### EXERCISE DESCRIPTION
Exact copies of the line with "#149=IFCPRODUCTDEFINITIONSHAPE($,$,(#148));" and of all lines after it through the end of the entries are required, and no other lines.

↓↓↓

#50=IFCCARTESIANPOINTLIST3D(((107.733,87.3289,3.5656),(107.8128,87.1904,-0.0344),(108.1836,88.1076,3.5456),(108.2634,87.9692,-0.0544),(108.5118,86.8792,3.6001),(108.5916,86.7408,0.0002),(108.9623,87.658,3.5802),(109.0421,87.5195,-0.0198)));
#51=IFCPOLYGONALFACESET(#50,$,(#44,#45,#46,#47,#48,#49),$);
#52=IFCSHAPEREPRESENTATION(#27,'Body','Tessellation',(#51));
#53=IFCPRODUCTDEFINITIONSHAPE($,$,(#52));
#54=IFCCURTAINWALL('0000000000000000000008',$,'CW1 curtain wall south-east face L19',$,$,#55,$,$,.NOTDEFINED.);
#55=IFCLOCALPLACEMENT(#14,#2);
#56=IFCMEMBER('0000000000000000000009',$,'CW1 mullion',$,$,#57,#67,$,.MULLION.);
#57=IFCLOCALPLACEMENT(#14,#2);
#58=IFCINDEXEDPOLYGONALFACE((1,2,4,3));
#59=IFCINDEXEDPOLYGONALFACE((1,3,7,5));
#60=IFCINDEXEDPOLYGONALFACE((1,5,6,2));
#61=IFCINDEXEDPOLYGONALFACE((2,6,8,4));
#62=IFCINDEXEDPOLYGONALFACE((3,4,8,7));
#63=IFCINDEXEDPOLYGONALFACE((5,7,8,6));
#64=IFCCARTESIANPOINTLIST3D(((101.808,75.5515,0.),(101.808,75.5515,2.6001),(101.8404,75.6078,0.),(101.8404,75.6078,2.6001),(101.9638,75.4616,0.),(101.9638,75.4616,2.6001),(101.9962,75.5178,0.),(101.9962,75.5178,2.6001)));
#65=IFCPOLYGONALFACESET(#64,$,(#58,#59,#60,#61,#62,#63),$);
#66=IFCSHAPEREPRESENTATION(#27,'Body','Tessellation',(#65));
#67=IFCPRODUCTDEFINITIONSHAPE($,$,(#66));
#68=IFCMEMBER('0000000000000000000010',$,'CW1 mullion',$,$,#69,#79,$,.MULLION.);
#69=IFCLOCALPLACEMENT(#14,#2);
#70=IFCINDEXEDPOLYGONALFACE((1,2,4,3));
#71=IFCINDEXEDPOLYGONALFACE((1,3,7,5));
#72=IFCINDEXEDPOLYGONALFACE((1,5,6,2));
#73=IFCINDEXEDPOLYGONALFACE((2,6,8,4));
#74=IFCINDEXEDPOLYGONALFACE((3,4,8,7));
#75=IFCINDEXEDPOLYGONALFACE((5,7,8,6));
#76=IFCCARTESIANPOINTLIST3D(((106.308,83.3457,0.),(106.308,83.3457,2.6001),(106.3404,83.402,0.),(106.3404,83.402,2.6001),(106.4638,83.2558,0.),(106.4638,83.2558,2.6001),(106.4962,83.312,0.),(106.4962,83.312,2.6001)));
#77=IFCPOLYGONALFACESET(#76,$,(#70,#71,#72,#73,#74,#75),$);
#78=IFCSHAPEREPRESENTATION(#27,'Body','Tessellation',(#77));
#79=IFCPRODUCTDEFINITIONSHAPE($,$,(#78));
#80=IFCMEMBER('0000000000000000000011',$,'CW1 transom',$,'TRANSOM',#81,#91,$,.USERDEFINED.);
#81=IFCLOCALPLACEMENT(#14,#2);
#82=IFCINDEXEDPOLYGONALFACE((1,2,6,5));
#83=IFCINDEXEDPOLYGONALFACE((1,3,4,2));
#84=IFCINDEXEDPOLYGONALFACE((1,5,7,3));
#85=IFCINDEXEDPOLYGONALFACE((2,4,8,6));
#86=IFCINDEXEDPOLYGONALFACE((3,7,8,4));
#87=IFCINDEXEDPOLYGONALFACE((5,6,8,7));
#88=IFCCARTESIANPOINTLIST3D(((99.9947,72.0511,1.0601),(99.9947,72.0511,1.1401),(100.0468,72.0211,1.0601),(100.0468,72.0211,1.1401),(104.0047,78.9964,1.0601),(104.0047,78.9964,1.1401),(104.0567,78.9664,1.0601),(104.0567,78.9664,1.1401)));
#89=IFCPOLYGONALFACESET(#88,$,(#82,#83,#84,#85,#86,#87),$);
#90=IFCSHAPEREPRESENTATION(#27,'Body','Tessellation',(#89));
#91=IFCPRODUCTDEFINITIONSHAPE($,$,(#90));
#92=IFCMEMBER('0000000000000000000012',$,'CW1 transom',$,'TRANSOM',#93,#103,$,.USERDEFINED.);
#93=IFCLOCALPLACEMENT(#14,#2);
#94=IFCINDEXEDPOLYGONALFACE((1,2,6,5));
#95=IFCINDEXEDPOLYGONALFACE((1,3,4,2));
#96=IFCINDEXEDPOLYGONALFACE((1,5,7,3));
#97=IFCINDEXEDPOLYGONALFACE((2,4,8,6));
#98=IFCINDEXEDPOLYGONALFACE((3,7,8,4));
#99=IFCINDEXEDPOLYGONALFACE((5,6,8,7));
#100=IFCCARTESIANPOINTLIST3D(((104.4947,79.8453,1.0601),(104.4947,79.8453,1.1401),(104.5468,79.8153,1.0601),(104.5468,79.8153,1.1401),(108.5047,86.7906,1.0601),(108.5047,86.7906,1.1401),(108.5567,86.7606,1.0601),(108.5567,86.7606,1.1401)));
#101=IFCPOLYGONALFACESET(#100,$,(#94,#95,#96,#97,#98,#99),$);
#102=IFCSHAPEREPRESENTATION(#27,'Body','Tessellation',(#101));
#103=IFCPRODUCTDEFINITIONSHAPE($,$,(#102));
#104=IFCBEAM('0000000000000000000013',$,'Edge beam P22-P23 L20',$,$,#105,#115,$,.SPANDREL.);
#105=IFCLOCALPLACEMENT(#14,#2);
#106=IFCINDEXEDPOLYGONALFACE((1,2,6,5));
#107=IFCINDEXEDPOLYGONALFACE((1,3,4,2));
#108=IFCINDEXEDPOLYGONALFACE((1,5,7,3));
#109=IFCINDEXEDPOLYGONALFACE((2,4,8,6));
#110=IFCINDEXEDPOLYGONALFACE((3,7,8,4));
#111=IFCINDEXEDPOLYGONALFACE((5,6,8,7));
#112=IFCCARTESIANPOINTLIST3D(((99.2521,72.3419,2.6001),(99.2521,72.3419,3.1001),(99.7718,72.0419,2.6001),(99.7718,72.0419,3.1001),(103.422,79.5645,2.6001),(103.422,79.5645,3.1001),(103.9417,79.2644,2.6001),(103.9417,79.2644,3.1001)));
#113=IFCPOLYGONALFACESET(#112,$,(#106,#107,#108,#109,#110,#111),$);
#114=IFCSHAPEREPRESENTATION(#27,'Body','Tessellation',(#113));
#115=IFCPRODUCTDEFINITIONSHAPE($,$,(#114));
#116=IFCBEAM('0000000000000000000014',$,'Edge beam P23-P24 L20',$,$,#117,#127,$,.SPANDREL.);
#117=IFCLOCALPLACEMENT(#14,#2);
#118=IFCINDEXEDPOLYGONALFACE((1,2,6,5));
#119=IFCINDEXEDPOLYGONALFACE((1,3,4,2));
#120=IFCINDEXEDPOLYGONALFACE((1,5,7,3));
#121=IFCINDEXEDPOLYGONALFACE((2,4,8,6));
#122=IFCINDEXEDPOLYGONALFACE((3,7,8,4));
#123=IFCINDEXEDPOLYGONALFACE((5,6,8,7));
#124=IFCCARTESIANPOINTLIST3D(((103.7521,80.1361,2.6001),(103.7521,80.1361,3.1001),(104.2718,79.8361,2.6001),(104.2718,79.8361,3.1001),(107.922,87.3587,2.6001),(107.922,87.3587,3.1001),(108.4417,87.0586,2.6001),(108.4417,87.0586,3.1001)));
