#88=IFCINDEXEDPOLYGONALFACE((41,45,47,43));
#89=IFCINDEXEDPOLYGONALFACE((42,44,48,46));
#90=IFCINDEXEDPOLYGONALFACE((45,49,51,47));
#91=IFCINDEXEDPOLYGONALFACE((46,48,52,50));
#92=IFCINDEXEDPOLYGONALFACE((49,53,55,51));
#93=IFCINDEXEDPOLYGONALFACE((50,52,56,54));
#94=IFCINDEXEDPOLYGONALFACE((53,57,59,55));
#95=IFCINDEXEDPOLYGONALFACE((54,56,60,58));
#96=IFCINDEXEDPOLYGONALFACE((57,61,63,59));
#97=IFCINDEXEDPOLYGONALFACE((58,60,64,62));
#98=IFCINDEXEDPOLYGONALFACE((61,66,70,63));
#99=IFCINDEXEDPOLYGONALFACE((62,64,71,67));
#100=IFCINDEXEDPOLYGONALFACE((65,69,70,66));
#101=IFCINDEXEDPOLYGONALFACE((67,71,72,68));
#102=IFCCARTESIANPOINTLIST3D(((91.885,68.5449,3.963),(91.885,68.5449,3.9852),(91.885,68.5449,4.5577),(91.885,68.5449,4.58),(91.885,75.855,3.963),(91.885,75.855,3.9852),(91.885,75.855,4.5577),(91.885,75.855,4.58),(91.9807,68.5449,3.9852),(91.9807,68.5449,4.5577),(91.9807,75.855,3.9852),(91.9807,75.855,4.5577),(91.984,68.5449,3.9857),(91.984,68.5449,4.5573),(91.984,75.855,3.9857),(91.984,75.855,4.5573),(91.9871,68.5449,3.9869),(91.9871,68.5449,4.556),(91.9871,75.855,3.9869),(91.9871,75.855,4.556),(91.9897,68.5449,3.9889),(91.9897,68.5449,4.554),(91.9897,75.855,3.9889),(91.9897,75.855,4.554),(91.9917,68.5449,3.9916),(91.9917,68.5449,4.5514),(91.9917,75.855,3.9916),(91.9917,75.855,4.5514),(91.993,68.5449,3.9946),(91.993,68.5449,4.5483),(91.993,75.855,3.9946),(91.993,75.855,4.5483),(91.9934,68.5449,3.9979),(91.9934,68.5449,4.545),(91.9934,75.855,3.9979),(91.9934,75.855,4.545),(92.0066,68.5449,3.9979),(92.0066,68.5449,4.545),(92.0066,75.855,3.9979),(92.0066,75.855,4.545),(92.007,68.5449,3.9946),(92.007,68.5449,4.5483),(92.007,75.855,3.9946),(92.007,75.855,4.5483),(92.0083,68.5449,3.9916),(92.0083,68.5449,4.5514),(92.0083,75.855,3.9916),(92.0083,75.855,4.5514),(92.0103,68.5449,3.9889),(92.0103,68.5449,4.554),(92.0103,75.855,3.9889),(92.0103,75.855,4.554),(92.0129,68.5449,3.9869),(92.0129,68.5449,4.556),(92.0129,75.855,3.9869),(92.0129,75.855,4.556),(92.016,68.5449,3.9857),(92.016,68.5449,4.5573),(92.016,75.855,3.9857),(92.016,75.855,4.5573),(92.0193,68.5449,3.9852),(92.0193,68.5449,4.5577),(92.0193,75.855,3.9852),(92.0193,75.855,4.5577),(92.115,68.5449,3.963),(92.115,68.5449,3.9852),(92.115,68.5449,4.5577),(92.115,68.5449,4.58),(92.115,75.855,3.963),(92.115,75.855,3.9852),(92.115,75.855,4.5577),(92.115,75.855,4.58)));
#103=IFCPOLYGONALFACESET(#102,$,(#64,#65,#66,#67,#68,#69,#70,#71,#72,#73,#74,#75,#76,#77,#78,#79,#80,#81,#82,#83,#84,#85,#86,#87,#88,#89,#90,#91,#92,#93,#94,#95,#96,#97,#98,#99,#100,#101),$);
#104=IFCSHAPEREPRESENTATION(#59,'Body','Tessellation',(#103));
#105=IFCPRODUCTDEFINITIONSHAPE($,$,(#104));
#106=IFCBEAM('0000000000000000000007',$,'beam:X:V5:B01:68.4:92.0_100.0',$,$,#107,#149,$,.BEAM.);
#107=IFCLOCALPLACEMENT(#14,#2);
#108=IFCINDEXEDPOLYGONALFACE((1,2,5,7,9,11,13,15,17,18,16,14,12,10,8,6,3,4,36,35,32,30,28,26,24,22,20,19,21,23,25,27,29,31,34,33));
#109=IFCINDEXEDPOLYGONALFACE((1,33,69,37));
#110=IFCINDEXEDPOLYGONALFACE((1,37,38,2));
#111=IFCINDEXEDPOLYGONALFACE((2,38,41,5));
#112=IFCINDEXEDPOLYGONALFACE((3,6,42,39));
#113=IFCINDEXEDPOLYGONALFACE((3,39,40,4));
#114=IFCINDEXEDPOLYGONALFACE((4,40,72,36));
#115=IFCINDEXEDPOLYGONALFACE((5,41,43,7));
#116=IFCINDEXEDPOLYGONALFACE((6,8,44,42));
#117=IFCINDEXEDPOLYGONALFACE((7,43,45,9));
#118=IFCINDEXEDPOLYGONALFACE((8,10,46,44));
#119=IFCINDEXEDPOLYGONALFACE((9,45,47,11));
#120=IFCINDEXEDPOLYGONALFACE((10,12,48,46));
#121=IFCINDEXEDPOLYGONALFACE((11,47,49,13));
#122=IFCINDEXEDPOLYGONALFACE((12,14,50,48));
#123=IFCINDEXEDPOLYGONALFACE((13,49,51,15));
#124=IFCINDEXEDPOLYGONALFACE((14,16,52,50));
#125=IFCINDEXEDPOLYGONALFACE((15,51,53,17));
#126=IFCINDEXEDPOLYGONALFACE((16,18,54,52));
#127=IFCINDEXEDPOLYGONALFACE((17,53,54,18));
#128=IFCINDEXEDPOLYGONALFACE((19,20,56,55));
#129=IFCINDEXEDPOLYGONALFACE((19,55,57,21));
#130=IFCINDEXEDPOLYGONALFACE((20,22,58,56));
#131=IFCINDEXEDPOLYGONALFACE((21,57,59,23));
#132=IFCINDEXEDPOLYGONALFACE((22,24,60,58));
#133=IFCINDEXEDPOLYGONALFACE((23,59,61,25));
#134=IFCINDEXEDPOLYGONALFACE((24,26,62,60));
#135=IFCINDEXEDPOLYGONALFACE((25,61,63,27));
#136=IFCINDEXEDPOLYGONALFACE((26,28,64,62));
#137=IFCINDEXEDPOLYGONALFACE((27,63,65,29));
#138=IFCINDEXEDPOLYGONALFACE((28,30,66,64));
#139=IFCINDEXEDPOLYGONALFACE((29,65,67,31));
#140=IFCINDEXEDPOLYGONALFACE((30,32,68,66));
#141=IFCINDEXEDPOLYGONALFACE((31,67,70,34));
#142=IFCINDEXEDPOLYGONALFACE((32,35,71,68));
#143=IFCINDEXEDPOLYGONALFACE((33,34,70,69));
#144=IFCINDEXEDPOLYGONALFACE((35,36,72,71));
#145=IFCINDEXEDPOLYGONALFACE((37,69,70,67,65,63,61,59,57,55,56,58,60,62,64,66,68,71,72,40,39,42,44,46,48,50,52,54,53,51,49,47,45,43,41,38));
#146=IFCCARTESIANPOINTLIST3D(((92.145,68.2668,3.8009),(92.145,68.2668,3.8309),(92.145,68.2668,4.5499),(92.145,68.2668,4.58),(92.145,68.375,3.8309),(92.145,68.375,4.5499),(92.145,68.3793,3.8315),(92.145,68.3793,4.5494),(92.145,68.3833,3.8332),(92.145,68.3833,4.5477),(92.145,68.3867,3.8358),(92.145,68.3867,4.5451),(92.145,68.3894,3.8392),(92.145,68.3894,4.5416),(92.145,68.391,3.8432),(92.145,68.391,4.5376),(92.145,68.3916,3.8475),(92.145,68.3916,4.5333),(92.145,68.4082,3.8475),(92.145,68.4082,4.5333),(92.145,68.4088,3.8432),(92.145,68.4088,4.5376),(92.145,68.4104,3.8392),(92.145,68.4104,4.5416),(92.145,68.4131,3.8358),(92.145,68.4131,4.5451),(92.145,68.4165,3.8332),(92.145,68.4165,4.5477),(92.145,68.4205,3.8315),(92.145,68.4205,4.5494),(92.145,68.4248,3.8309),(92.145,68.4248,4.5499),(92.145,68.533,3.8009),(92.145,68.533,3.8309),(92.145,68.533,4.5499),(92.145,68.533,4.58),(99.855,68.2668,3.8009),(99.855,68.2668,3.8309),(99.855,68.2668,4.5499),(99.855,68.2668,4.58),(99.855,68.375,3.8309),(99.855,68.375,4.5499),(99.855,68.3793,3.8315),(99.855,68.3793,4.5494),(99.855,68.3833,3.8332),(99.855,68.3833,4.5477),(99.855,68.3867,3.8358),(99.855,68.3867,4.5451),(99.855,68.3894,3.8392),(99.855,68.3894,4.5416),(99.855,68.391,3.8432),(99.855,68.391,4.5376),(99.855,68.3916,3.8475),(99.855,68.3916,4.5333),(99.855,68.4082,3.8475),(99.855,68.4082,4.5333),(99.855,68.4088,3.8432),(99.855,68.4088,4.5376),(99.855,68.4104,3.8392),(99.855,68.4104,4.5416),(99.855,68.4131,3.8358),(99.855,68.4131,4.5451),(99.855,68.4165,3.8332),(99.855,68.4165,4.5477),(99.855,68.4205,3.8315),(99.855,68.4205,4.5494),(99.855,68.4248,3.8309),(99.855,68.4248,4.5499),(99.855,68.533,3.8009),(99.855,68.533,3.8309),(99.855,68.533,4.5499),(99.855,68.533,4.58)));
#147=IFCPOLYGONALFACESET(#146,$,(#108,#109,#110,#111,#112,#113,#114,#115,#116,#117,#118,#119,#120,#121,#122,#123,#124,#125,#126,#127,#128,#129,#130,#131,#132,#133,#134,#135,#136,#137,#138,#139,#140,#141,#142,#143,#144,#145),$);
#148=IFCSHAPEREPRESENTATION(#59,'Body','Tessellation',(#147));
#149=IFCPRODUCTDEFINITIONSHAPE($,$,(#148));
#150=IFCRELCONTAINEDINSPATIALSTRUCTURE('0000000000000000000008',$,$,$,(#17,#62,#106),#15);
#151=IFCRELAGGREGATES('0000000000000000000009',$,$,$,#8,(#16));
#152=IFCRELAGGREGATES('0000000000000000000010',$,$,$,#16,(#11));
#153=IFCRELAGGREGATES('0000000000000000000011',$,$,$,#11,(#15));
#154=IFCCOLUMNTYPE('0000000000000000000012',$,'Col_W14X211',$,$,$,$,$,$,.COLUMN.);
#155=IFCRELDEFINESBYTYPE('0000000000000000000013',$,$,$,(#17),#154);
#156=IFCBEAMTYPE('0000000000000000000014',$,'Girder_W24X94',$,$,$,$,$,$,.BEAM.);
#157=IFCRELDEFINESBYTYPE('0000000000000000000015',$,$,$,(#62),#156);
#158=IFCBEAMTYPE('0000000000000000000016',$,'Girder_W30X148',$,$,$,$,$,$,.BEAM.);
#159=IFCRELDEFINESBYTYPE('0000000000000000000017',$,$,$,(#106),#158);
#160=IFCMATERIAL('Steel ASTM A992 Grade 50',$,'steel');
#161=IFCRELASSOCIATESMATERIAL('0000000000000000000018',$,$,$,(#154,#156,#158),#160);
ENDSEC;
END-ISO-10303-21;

↑↑↑

### SOLUTION
#149=IFCPRODUCTDEFINITIONSHAPE($,$,(#148));
#150=IFCRELCONTAINEDINSPATIALSTRUCTURE('0000000000000000000008',$,$,$,(#17,#62,#106),#15);
#151=IFCRELAGGREGATES('0000000000000000000009',$,$,$,#8,(#16));
#152=IFCRELAGGREGATES('0000000000000000000010',$,$,$,#16,(#11));
#153=IFCRELAGGREGATES('0000000000000000000011',$,$,$,#11,(#15));
#154=IFCCOLUMNTYPE('0000000000000000000012',$,'Col_W14X211',$,$,$,$,$,$,.COLUMN.);
#155=IFCRELDEFINESBYTYPE('0000000000000000000013',$,$,$,(#17),#154);
#156=IFCBEAMTYPE('0000000000000000000014',$,'Girder_W24X94',$,$,$,$,$,$,.BEAM.);
#157=IFCRELDEFINESBYTYPE('0000000000000000000015',$,$,$,(#62),#156);
#158=IFCBEAMTYPE('0000000000000000000016',$,'Girder_W30X148',$,$,$,$,$,$,.BEAM.);
#159=IFCRELDEFINESBYTYPE('0000000000000000000017',$,$,$,(#106),#158);
#160=IFCMATERIAL('Steel ASTM A992 Grade 50',$,'steel');
#161=IFCRELASSOCIATESMATERIAL('0000000000000000000018',$,$,$,(#154,#156,#158),#160);
ENDSEC;
END-ISO-10303-21;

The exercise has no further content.